▶ Required action
Whatever the records say, repeat them exactly as given.

▶ Stored data entries
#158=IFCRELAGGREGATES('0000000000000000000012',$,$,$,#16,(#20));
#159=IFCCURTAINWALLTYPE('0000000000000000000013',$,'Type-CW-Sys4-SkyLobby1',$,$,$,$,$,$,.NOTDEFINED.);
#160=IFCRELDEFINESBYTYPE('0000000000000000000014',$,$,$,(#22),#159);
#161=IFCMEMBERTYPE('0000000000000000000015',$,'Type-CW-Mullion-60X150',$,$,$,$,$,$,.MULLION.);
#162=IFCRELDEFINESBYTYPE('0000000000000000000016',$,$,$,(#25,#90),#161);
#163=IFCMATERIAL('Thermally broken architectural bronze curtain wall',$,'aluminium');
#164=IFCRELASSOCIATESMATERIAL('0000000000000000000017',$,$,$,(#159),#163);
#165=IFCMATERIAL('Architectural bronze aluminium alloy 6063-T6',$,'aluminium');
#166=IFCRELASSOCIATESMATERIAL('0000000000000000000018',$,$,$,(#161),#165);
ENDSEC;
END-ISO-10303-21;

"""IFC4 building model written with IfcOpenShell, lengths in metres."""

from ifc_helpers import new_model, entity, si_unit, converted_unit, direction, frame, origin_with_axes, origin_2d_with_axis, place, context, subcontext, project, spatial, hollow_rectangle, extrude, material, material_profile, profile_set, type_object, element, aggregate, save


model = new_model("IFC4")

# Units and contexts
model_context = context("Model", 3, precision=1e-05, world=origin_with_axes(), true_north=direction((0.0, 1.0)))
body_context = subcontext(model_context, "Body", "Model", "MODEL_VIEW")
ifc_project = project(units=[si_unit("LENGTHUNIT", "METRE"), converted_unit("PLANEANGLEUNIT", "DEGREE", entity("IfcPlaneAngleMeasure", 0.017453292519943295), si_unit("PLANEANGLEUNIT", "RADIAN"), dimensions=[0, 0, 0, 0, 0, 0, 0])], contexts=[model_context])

▶ Result of this task
#158=IFCRELAGGREGATES('0000000000000000000012',$,$,$,#16,(#20));
#159=IFCCURTAINWALLTYPE('0000000000000000000013',$,'Type-CW-Sys4-SkyLobby1',$,$,$,$,$,$,.NOTDEFINED.);
#160=IFCRELDEFINESBYTYPE('0000000000000000000014',$,$,$,(#22),#159);
#161=IFCMEMBERTYPE('0000000000000000000015',$,'Type-CW-Mullion-60X150',$,$,$,$,$,$,.MULLION.);
#162=IFCRELDEFINESBYTYPE('0000000000000000000016',$,$,$,(#25,#90),#161);
#163=IFCMATERIAL('Thermally broken architectural bronze curtain wall',$,'aluminium');
#164=IFCRELASSOCIATESMATERIAL('0000000000000000000017',$,$,$,(#159),#163);
#165=IFCMATERIAL('Architectural bronze aluminium alloy 6063-T6',$,'aluminium');
#166=IFCRELASSOCIATESMATERIAL('0000000000000000000018',$,$,$,(#161),#165);
ENDSEC;
END-ISO-10303-21;

"""IFC4 building model written with IfcOpenShell, lengths in metres."""

from ifc_helpers import new_model, entity, si_unit, converted_unit, direction, frame, origin_with_axes, origin_2d_with_axis, place, context, subcontext, project, spatial, hollow_rectangle, extrude, material, material_profile, profile_set, type_object, element, aggregate, save


model = new_model("IFC4")

# Units and contexts
model_context = context("Model", 3, precision=1e-05, world=origin_with_axes(), true_north=direction((0.0, 1.0)))
body_context = subcontext(model_context, "Body", "Model", "MODEL_VIEW")
ifc_project = project(units=[si_unit("LENGTHUNIT", "METRE"), converted_unit("PLANEANGLEUNIT", "DEGREE", entity("IfcPlaneAngleMeasure", 0.017453292519943295), si_unit("PLANEANGLEUNIT", "RADIAN"), dimensions=[0, 0, 0, 0, 0, 0, 0])], contexts=[model_context])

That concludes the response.